### Input data
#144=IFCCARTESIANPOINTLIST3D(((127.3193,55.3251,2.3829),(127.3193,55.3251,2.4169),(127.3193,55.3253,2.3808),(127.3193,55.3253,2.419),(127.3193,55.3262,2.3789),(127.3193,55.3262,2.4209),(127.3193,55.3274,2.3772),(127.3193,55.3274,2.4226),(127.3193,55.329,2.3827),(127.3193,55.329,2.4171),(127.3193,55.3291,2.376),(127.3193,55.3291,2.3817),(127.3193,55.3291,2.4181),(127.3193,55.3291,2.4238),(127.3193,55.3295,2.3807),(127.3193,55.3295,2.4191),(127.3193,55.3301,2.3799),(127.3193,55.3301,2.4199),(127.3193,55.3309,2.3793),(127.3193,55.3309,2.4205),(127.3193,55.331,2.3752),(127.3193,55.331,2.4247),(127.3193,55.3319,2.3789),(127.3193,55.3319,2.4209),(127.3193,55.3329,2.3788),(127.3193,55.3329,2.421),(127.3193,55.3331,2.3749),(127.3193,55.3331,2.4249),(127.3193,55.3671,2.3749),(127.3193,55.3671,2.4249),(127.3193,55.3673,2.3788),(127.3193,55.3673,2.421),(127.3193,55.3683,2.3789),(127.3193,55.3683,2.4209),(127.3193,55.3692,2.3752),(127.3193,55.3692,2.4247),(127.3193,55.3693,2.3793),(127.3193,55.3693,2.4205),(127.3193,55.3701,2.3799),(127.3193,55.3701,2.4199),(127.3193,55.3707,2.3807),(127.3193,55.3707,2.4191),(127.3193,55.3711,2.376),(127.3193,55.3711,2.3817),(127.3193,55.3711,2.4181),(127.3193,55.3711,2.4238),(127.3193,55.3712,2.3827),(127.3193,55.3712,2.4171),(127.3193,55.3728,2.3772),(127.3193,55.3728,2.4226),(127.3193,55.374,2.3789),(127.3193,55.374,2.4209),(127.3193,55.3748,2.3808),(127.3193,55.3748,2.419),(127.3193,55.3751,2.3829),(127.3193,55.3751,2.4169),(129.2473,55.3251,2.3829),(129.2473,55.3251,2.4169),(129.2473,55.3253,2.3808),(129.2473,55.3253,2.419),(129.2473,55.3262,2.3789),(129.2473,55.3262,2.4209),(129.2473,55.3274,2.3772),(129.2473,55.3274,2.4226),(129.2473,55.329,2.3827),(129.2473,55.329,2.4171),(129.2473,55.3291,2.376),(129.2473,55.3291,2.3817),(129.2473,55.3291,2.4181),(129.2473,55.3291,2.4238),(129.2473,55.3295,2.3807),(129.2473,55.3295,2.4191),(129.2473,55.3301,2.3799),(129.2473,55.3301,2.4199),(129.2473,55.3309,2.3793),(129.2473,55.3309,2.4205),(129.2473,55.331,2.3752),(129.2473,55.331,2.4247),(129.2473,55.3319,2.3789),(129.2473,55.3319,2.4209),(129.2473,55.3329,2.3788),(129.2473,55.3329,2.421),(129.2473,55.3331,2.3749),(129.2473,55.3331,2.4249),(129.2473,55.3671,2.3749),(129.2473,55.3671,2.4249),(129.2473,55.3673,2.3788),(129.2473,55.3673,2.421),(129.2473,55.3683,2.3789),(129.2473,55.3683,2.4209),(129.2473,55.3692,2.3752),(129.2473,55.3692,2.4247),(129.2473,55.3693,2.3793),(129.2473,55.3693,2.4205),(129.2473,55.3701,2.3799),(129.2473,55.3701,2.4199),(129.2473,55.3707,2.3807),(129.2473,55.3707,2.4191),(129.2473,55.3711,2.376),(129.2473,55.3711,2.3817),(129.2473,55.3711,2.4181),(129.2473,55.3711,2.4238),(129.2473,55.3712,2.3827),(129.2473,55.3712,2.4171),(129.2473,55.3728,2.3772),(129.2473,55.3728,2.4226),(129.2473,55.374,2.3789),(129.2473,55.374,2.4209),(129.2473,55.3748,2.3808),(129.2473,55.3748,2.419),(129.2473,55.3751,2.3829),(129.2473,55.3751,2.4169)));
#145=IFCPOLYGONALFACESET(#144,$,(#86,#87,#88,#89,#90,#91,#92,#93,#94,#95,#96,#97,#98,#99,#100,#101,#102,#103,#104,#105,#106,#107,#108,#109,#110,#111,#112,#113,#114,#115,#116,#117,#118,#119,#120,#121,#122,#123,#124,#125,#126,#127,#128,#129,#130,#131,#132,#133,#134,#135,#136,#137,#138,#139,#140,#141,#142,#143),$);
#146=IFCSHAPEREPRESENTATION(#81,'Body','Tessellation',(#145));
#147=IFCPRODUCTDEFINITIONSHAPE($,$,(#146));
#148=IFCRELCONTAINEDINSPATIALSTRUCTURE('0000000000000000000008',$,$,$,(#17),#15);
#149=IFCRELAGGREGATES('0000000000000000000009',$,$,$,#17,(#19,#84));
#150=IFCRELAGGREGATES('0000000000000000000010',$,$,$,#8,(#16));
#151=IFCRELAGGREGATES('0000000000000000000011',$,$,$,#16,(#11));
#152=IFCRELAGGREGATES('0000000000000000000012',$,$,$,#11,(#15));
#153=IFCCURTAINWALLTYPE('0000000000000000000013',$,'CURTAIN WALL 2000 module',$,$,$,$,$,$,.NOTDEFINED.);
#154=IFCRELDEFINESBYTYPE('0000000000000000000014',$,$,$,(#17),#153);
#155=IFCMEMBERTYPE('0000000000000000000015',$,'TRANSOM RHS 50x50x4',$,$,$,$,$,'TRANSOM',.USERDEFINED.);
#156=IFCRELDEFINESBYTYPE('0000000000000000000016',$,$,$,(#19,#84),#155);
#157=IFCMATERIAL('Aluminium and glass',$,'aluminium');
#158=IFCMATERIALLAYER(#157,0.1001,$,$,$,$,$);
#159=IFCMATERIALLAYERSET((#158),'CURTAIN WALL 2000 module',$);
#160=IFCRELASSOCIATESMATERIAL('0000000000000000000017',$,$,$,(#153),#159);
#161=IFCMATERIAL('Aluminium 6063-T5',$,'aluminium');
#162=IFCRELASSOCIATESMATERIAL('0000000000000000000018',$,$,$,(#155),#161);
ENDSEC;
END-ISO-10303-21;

### Directions
Only lines holding the word "IFCRELAGGREGATES" are wanted; list them all from the material.

### Finished exercise
#149=IFCRELAGGREGATES('0000000000000000000009',$,$,$,#17,(#19,#84));
#150=IFCRELAGGREGATES('0000000000000000000010',$,$,$,#8,(#16));
#151=IFCRELAGGREGATES('0000000000000000000011',$,$,$,#16,(#11));
#152=IFCRELAGGREGATES('0000000000000000000012',$,$,$,#11,(#15));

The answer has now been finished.